Exercise instructions: In the records below, find the line with "#13=IFCAXIS2PLACEMENT3D(#12,$,$);" and the line with "#29=IFCPRODUCTDEFINITIONSHAPE($,$,(#28));"; return exactly those lines and every line between them.

Data for this task:
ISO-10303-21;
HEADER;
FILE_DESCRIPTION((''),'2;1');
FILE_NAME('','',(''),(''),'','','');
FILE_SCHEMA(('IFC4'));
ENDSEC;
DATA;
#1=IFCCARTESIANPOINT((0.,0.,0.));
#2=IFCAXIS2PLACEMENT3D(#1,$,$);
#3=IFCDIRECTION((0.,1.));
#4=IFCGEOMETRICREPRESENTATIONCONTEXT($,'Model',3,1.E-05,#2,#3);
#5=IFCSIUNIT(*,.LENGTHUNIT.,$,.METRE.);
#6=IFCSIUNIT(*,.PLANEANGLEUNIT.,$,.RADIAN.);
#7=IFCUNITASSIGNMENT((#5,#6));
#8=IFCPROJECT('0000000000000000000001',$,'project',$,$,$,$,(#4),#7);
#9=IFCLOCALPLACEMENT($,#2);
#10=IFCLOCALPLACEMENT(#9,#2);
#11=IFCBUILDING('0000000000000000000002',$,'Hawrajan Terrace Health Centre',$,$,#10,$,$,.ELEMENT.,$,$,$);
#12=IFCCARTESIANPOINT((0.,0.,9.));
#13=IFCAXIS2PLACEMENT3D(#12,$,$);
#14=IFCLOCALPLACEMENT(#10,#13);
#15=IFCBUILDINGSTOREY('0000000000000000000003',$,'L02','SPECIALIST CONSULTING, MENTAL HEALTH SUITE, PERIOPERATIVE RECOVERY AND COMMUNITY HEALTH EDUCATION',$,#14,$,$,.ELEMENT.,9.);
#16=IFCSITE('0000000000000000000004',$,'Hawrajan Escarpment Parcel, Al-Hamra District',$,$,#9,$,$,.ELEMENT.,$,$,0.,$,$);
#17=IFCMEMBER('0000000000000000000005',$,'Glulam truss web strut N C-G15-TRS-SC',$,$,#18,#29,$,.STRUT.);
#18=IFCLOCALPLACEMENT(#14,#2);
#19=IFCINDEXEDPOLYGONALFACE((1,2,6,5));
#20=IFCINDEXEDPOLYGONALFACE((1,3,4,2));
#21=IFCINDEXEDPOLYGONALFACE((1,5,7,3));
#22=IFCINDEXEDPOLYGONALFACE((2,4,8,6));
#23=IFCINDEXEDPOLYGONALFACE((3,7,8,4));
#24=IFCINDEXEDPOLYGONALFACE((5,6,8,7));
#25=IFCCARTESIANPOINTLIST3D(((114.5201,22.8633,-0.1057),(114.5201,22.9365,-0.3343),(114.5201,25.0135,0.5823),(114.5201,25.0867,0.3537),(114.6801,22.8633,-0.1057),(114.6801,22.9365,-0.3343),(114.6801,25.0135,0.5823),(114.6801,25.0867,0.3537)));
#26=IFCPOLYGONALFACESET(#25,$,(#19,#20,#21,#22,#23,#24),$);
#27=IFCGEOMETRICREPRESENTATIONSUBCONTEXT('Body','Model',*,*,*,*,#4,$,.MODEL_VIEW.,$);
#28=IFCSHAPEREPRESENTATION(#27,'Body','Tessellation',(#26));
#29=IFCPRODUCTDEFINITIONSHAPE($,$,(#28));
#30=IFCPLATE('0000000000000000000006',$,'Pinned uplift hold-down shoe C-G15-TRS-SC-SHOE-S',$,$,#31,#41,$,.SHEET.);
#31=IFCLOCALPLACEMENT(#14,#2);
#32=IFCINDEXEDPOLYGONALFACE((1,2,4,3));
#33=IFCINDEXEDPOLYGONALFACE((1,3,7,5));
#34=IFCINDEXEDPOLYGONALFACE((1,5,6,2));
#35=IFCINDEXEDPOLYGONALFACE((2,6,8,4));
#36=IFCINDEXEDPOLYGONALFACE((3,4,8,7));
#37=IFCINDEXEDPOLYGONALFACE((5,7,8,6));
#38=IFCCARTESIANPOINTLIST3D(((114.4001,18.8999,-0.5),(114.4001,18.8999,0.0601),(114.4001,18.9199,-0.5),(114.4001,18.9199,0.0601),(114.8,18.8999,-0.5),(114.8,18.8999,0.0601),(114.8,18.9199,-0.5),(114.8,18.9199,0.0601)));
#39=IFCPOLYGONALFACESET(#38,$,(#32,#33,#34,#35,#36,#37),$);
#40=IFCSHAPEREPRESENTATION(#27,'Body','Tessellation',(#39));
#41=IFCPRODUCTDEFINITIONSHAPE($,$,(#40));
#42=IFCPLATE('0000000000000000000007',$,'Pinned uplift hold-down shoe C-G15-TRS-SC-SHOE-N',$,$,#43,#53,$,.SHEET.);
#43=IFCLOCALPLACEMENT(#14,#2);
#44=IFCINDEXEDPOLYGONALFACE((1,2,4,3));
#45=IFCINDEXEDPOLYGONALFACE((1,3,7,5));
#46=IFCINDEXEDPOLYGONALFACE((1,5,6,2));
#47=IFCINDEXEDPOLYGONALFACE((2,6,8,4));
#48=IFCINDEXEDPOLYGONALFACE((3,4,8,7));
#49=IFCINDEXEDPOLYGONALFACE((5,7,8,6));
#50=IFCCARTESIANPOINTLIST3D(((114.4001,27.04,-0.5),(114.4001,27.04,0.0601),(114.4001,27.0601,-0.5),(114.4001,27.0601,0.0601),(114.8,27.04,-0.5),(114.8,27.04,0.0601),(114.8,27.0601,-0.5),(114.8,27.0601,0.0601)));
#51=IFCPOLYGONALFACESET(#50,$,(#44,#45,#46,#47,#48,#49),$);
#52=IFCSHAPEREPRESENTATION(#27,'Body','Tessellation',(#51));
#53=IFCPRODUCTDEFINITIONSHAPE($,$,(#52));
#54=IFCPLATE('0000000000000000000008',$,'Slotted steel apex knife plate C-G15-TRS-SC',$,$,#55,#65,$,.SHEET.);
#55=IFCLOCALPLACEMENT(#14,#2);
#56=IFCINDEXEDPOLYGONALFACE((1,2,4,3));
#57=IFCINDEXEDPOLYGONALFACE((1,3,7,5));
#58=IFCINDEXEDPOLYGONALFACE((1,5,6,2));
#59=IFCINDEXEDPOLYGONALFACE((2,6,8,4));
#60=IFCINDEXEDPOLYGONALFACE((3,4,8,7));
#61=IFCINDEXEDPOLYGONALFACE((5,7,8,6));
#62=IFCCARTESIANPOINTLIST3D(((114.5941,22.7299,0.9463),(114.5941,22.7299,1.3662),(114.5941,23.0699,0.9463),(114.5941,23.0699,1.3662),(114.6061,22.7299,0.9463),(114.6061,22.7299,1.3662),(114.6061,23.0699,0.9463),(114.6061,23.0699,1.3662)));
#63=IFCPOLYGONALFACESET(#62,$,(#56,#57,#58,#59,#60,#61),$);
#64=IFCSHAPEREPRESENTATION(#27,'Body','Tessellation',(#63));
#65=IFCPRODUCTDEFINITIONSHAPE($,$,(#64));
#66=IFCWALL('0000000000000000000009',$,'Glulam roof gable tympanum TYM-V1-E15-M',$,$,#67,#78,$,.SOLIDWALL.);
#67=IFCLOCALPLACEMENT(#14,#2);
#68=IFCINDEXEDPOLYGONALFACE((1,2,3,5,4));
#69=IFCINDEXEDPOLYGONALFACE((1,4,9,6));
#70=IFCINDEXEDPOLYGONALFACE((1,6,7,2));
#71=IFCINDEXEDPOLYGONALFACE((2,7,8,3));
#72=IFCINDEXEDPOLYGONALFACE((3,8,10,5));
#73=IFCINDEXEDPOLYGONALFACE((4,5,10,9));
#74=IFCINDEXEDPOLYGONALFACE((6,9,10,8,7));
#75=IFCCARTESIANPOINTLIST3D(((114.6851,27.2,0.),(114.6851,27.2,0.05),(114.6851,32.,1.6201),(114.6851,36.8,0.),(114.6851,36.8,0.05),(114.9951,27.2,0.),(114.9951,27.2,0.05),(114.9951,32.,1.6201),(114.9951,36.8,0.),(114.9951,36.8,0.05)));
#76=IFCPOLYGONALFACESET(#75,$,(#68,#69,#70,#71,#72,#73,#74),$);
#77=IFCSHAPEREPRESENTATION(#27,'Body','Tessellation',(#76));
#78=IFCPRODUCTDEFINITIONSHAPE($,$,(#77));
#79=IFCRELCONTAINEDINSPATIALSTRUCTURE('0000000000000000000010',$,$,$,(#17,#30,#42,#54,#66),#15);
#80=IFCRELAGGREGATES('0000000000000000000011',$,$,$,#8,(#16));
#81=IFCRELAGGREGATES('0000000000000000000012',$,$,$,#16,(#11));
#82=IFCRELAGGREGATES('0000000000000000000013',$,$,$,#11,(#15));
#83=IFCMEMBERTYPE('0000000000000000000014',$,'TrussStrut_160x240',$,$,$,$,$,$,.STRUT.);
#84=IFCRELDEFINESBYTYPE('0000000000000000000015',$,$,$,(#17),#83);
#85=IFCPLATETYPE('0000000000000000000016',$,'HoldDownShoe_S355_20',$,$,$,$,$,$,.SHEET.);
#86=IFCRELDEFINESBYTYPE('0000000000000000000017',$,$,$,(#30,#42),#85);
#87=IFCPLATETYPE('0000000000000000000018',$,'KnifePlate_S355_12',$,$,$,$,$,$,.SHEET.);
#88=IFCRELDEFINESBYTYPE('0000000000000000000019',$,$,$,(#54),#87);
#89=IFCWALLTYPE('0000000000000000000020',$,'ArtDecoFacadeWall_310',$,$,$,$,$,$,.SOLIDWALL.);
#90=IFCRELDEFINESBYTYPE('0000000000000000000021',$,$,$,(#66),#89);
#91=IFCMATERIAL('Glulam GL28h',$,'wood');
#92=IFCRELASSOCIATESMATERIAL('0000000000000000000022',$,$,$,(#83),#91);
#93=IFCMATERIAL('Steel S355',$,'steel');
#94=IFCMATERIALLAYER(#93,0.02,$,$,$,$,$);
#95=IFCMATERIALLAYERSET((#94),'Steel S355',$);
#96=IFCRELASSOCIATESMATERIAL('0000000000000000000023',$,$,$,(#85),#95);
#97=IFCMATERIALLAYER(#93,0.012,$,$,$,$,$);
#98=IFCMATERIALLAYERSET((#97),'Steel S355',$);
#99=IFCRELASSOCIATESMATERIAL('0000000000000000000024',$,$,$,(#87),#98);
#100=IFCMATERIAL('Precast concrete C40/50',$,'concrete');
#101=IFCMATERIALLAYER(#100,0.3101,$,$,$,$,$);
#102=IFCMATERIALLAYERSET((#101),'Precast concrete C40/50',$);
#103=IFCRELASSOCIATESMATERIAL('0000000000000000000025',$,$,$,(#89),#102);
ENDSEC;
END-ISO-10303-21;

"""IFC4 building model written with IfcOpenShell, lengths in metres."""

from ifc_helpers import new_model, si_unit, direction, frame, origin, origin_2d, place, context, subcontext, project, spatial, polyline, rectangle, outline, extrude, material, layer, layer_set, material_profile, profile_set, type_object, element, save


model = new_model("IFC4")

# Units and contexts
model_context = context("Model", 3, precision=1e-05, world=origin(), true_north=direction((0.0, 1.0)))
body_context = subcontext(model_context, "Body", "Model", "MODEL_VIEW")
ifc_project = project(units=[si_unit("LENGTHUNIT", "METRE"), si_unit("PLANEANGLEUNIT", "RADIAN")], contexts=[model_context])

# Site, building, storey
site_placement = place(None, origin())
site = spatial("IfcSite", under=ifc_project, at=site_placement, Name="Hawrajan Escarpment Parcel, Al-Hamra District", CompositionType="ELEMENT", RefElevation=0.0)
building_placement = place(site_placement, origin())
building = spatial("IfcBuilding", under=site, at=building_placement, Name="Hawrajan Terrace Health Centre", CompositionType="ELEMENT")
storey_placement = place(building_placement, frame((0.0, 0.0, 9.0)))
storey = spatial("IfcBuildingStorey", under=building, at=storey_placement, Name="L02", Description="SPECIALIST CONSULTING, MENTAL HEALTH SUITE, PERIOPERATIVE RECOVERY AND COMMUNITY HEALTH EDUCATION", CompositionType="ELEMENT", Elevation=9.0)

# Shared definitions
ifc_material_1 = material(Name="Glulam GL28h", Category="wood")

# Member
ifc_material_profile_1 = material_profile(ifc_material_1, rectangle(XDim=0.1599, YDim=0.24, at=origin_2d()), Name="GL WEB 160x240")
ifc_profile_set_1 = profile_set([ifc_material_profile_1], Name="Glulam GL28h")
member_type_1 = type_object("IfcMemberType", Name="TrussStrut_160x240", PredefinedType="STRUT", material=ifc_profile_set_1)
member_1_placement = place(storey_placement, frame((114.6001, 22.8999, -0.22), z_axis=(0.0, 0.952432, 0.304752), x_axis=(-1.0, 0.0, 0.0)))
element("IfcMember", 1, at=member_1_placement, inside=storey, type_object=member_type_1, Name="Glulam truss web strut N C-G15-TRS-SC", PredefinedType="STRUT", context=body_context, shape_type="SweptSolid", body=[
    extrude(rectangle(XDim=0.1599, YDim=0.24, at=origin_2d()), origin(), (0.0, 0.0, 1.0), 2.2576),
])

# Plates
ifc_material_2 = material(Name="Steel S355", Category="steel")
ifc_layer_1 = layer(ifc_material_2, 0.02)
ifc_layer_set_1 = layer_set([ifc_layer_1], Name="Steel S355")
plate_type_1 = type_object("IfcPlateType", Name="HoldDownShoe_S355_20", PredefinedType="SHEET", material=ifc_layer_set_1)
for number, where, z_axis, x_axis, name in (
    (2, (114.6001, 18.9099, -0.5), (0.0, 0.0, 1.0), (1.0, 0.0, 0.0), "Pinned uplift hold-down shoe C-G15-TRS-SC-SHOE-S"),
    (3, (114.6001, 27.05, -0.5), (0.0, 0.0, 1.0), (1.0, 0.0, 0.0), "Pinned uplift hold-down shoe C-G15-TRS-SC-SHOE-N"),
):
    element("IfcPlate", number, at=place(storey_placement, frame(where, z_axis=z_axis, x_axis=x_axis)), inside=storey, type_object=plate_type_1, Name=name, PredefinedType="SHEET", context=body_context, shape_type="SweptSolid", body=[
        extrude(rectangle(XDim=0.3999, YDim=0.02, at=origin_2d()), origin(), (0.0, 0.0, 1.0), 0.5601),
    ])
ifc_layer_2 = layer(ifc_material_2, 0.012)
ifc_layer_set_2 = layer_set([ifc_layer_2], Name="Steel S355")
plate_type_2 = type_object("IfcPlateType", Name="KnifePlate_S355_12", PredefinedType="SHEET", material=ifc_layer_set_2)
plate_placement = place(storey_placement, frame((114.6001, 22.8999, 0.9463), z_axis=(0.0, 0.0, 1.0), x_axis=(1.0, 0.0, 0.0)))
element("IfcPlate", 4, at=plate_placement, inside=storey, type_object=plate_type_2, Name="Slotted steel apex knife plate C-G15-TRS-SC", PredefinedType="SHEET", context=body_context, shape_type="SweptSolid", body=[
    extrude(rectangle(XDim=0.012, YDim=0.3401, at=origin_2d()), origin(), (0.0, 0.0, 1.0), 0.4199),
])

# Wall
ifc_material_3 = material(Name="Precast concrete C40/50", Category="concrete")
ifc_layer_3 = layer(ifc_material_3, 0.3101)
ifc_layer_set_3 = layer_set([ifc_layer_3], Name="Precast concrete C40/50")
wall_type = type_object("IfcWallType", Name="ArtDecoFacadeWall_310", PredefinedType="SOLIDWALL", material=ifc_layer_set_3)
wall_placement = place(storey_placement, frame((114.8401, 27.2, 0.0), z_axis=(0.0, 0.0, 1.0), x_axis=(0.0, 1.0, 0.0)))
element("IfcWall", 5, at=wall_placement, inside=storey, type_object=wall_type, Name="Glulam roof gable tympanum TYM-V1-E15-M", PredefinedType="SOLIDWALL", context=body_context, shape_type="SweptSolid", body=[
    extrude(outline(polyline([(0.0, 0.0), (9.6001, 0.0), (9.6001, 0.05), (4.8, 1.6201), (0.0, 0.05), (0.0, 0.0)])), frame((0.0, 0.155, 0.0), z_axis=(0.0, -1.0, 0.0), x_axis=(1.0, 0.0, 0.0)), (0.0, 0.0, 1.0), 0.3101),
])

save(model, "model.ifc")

Task output:
#13=IFCAXIS2PLACEMENT3D(#12,$,$);
#14=IFCLOCALPLACEMENT(#10,#13);
#15=IFCBUILDINGSTOREY('0000000000000000000003',$,'L02','SPECIALIST CONSULTING, MENTAL HEALTH SUITE, PERIOPERATIVE RECOVERY AND COMMUNITY HEALTH EDUCATION',$,#14,$,$,.ELEMENT.,9.);
#16=IFCSITE('0000000000000000000004',$,'Hawrajan Escarpment Parcel, Al-Hamra District',$,$,#9,$,$,.ELEMENT.,$,$,0.,$,$);
#17=IFCMEMBER('0000000000000000000005',$,'Glulam truss web strut N C-G15-TRS-SC',$,$,#18,#29,$,.STRUT.);
#18=IFCLOCALPLACEMENT(#14,#2);
#19=IFCINDEXEDPOLYGONALFACE((1,2,6,5));
#20=IFCINDEXEDPOLYGONALFACE((1,3,4,2));
#21=IFCINDEXEDPOLYGONALFACE((1,5,7,3));
#22=IFCINDEXEDPOLYGONALFACE((2,4,8,6));
#23=IFCINDEXEDPOLYGONALFACE((3,7,8,4));
#24=IFCINDEXEDPOLYGONALFACE((5,6,8,7));
#25=IFCCARTESIANPOINTLIST3D(((114.5201,22.8633,-0.1057),(114.5201,22.9365,-0.3343),(114.5201,25.0135,0.5823),(114.5201,25.0867,0.3537),(114.6801,22.8633,-0.1057),(114.6801,22.9365,-0.3343),(114.6801,25.0135,0.5823),(114.6801,25.0867,0.3537)));
#26=IFCPOLYGONALFACESET(#25,$,(#19,#20,#21,#22,#23,#24),$);
#27=IFCGEOMETRICREPRESENTATIONSUBCONTEXT('Body','Model',*,*,*,*,#4,$,.MODEL_VIEW.,$);
#28=IFCSHAPEREPRESENTATION(#27,'Body','Tessellation',(#26));
#29=IFCPRODUCTDEFINITIONSHAPE($,$,(#28));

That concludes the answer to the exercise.